• **Work order**: Find every line in the material below with the string "IFCPOLYGONALFACESET" and state how many there are, with no other text.

• **Records provided**:
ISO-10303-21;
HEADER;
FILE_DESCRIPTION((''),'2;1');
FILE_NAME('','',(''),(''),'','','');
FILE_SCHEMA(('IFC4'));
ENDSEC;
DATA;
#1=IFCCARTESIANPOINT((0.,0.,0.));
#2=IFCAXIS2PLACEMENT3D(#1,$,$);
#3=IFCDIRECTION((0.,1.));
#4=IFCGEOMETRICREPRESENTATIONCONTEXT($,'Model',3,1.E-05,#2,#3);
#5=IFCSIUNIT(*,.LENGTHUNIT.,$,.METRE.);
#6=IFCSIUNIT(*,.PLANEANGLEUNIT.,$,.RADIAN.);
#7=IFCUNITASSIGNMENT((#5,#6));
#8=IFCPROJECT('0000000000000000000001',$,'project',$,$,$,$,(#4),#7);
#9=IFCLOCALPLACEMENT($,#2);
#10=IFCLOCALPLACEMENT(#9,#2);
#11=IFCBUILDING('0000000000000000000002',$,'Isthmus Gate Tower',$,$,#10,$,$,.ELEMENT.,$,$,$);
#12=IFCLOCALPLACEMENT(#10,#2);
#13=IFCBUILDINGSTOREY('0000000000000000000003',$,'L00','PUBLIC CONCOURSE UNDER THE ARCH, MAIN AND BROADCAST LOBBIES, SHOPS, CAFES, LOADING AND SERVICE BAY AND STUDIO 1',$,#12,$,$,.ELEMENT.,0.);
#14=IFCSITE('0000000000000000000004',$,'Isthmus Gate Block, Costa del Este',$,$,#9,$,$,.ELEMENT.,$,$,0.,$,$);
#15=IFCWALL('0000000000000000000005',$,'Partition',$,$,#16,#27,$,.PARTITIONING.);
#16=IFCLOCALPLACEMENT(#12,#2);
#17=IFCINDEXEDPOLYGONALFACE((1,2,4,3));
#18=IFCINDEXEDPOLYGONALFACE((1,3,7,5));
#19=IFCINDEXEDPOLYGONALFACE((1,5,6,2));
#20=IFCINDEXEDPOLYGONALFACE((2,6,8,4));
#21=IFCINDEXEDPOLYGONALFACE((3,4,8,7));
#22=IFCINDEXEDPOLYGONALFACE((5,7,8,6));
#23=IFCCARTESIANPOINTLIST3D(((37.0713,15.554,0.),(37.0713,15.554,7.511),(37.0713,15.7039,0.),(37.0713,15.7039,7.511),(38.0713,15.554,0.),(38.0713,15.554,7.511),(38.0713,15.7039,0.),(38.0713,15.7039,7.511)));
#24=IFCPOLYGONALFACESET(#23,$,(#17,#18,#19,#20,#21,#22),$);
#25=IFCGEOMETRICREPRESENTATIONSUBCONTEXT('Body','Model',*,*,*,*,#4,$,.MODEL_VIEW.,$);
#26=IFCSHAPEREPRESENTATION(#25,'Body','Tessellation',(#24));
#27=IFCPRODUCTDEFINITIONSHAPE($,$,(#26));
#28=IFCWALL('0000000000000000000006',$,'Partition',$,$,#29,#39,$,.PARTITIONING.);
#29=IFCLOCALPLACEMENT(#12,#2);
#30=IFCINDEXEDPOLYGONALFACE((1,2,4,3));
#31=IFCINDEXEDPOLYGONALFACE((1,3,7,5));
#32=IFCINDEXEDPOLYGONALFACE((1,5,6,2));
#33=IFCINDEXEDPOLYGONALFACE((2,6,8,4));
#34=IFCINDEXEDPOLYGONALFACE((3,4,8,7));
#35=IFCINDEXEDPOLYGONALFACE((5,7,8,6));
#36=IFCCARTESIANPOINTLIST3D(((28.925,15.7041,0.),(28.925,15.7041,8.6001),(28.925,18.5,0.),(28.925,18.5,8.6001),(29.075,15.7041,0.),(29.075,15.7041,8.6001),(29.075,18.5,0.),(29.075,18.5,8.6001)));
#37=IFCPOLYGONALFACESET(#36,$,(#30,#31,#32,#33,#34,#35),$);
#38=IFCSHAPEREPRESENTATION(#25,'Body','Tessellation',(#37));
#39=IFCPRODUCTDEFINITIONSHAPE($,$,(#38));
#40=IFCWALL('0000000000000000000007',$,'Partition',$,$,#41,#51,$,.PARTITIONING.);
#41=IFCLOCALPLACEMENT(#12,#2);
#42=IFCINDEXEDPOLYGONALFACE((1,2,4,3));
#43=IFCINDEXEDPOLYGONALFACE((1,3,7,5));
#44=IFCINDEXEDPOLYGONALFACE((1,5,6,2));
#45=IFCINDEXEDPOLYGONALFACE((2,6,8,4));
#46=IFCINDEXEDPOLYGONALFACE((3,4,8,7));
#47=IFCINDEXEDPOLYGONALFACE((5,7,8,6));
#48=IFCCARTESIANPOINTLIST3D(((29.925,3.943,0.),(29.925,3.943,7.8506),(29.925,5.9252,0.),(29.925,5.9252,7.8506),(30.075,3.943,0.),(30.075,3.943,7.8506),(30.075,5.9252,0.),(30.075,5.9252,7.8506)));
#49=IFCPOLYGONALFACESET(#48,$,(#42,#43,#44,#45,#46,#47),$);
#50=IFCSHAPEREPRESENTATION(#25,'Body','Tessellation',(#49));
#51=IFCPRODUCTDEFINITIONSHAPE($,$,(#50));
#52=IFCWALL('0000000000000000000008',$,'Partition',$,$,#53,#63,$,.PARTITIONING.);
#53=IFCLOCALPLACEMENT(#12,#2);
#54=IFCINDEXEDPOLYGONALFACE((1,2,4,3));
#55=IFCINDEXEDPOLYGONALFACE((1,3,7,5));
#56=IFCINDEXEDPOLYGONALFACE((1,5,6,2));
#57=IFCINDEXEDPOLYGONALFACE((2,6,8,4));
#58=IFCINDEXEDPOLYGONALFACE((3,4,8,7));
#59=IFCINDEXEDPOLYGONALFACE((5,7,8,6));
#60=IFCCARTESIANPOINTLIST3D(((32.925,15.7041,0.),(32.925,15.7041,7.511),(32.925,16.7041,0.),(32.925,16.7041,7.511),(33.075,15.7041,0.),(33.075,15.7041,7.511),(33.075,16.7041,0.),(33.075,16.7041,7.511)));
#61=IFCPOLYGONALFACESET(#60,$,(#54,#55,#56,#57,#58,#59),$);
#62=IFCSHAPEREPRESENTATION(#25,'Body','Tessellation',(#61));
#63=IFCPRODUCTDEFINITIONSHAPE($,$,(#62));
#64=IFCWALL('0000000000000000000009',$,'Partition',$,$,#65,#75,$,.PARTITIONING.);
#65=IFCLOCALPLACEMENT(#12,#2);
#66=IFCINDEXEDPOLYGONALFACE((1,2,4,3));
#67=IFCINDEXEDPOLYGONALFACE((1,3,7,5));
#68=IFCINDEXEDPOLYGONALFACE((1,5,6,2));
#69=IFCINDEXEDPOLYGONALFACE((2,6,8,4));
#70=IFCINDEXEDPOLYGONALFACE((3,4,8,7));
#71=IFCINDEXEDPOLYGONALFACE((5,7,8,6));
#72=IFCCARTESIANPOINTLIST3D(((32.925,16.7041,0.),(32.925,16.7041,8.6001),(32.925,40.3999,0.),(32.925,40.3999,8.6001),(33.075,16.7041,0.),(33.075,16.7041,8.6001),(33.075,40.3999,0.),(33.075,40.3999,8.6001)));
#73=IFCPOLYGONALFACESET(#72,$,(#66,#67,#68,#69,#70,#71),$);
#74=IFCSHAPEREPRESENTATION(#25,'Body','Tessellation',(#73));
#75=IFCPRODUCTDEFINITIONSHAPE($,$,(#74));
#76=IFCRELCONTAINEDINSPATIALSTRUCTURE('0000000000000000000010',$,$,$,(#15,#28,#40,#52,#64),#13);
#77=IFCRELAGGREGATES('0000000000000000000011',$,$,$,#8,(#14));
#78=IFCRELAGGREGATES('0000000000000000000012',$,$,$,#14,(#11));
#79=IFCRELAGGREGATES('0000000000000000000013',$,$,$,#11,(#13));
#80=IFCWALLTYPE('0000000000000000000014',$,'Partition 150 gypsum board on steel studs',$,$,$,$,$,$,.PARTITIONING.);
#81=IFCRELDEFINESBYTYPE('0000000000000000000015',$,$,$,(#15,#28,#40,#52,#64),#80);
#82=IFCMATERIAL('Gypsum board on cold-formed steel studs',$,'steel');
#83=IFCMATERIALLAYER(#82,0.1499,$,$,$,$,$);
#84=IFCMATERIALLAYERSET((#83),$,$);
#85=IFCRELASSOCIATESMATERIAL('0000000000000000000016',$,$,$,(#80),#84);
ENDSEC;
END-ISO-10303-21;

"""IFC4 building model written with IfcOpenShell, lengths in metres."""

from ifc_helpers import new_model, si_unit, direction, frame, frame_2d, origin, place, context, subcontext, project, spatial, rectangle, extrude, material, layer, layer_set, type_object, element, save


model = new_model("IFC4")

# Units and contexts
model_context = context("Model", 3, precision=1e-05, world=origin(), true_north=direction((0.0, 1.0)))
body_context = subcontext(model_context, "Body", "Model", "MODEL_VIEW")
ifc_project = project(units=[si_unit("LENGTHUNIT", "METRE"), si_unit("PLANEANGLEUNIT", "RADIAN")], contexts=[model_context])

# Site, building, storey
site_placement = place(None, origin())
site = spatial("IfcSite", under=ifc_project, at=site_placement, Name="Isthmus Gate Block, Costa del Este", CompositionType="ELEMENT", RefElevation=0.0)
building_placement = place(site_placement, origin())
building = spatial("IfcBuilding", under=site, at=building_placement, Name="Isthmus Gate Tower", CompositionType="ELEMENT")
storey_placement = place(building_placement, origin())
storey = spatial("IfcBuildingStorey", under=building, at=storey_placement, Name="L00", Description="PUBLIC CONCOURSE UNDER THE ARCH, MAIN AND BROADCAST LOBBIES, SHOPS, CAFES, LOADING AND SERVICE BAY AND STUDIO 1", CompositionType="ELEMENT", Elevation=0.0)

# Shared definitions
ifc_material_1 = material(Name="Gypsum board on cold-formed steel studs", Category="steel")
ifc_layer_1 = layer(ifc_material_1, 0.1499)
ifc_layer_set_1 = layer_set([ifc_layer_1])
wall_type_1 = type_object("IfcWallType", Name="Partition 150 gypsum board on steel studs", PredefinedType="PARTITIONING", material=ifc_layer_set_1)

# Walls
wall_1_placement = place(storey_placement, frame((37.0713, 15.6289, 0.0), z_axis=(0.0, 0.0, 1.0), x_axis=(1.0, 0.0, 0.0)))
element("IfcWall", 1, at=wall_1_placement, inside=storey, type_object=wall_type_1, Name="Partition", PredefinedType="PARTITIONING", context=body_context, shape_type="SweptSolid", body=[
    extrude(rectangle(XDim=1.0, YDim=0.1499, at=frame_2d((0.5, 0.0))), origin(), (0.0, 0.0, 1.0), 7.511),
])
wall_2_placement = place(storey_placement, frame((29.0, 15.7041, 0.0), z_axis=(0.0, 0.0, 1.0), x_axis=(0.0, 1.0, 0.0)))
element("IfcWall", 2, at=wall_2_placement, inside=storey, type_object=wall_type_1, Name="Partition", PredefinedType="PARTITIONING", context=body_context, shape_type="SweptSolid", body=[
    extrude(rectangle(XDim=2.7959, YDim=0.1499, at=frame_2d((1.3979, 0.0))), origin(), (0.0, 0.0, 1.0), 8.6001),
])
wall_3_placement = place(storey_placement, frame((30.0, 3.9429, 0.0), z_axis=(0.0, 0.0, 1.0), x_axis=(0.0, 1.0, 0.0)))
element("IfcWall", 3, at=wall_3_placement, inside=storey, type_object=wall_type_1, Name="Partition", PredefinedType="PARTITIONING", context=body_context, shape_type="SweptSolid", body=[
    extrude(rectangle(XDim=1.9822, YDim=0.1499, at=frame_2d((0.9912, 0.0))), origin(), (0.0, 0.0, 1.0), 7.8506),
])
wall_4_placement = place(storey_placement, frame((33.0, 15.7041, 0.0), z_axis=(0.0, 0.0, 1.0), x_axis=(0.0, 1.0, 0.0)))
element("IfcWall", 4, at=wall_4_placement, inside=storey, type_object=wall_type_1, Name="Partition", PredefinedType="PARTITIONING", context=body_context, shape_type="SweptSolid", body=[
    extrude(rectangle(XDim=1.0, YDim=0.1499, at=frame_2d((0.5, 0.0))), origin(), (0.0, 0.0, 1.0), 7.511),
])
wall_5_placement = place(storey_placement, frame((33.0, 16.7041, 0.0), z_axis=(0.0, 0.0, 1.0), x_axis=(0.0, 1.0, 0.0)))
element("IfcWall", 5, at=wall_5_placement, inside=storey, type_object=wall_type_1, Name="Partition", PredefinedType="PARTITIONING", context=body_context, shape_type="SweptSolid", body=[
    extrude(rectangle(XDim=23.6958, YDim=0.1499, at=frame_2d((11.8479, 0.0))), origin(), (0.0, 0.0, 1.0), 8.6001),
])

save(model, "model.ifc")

• **Answer space**: 5